------ THE INPUT ------

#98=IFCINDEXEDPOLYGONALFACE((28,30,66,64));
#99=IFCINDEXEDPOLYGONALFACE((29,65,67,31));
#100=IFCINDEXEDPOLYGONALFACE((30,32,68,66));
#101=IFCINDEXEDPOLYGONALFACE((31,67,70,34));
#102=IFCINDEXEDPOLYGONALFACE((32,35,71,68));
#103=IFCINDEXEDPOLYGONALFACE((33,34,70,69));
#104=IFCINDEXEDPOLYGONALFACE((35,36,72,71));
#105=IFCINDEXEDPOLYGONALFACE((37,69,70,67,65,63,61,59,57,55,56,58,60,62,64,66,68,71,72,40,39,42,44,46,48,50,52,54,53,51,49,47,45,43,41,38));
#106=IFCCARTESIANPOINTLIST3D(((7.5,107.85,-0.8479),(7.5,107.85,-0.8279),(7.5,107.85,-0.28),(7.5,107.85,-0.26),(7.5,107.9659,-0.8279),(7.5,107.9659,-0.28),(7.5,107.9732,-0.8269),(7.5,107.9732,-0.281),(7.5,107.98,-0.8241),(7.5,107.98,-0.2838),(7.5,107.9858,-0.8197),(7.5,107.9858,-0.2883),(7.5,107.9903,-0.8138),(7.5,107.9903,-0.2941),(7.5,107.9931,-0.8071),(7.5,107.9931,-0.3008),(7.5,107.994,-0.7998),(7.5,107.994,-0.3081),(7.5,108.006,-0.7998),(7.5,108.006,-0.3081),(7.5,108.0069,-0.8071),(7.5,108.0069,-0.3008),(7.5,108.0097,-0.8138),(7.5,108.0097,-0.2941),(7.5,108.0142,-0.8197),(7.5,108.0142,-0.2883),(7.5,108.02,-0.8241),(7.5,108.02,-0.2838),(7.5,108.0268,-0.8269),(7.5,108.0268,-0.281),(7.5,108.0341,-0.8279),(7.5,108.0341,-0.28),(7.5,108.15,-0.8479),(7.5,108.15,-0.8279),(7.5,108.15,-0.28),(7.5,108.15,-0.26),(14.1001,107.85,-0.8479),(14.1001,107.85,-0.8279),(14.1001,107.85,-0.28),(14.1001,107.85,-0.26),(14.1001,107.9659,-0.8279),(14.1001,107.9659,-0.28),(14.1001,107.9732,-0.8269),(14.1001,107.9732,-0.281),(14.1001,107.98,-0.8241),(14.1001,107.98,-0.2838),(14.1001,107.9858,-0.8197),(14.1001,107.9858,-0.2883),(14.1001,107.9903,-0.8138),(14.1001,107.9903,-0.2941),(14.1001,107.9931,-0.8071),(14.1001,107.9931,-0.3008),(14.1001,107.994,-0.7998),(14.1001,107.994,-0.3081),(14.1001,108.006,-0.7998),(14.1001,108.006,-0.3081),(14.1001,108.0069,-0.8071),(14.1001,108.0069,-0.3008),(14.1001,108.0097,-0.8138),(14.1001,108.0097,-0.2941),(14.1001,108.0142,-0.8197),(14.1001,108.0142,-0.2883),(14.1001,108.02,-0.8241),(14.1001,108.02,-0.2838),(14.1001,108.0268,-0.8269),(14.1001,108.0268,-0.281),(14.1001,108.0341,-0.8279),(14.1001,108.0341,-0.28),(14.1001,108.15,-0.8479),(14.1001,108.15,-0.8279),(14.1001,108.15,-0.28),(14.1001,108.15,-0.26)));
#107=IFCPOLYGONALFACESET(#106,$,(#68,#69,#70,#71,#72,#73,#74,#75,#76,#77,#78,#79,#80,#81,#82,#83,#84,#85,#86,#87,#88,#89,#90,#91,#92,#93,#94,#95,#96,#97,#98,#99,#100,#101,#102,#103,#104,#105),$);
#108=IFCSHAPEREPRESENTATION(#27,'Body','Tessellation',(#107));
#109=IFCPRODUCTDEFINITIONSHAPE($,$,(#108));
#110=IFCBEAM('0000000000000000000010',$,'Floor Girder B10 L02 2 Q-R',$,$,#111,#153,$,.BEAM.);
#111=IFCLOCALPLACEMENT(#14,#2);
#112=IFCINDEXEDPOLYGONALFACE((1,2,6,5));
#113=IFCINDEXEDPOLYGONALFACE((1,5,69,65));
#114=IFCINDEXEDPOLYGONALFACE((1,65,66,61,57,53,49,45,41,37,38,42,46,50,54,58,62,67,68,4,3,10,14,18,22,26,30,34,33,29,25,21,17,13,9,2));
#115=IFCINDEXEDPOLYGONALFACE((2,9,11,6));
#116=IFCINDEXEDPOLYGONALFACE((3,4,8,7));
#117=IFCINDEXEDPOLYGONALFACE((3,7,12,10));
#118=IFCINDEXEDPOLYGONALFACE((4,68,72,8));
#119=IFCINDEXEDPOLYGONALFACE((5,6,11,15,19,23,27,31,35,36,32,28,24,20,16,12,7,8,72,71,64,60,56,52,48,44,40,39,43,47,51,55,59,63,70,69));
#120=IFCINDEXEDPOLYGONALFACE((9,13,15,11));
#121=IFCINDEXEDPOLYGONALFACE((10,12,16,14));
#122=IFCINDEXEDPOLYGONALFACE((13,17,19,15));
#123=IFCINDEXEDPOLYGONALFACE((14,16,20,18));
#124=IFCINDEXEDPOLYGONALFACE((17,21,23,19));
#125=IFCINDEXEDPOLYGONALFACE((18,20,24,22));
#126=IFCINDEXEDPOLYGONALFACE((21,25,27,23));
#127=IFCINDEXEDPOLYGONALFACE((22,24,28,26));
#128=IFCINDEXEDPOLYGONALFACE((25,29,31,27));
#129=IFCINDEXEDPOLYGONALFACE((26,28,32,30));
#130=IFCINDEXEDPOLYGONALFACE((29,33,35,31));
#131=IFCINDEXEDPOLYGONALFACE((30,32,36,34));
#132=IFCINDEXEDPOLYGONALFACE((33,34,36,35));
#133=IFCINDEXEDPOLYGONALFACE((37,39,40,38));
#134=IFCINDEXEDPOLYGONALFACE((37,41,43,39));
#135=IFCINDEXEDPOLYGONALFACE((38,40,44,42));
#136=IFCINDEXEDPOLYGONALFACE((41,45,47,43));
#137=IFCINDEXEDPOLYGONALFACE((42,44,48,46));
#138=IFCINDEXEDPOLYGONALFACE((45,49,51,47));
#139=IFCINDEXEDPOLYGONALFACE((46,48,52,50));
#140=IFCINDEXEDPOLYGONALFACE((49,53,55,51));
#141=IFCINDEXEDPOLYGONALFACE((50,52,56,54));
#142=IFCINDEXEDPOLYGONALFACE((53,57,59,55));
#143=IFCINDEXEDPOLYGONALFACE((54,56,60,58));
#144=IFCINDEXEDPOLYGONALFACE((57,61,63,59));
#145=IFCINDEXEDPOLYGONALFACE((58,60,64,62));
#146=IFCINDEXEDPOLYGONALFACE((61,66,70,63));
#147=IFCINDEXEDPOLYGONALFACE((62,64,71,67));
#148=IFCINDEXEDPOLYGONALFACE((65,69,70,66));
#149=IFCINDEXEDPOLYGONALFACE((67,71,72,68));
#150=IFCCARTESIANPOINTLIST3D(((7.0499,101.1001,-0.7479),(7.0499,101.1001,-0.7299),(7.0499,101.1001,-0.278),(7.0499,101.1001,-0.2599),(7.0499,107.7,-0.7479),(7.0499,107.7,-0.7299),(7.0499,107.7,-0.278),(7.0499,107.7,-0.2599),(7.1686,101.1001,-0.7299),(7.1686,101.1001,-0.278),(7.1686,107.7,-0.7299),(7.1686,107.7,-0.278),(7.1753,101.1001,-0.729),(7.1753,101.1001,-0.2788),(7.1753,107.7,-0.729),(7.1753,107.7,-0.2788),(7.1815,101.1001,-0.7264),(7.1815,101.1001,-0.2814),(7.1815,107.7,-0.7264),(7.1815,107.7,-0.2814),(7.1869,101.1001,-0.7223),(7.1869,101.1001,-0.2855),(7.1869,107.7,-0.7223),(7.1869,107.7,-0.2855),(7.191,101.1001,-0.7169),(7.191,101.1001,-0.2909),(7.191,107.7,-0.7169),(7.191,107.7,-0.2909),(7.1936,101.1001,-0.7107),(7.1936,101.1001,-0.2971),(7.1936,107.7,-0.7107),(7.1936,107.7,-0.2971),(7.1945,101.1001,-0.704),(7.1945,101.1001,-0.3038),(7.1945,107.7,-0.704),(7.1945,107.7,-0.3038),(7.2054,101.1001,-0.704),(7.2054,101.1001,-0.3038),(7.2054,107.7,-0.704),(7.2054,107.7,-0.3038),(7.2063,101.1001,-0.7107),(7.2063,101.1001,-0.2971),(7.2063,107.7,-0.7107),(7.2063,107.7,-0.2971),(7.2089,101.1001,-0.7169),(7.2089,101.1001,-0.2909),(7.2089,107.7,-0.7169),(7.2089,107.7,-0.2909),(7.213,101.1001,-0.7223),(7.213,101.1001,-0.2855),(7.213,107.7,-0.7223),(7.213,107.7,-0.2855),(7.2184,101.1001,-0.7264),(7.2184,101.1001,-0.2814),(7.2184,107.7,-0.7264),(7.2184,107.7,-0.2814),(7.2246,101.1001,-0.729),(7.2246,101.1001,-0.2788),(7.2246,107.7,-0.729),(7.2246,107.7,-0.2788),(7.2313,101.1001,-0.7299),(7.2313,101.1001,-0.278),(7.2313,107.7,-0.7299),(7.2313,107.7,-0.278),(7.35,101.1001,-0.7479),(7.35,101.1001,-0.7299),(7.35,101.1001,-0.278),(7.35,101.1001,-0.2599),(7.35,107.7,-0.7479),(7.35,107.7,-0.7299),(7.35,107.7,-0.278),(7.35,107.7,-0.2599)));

------

→ **TASK OBJECTIVE**:
From the entries above, return exactly the line containing "#138=IFCINDEXEDPOLYGONALFACE((45,49,51,47));", the line containing "#149=IFCINDEXEDPOLYGONALFACE((67,71,72,68));", and all lines between, and nothing else.

→ **WRITTEN ANSWER**:
#138=IFCINDEXEDPOLYGONALFACE((45,49,51,47));
#139=IFCINDEXEDPOLYGONALFACE((46,48,52,50));
#140=IFCINDEXEDPOLYGONALFACE((49,53,55,51));
#141=IFCINDEXEDPOLYGONALFACE((50,52,56,54));
#142=IFCINDEXEDPOLYGONALFACE((53,57,59,55));
#143=IFCINDEXEDPOLYGONALFACE((54,56,60,58));
#144=IFCINDEXEDPOLYGONALFACE((57,61,63,59));
#145=IFCINDEXEDPOLYGONALFACE((58,60,64,62));
#146=IFCINDEXEDPOLYGONALFACE((61,66,70,63));
#147=IFCINDEXEDPOLYGONALFACE((62,64,71,67));
#148=IFCINDEXEDPOLYGONALFACE((65,69,70,66));
#149=IFCINDEXEDPOLYGONALFACE((67,71,72,68));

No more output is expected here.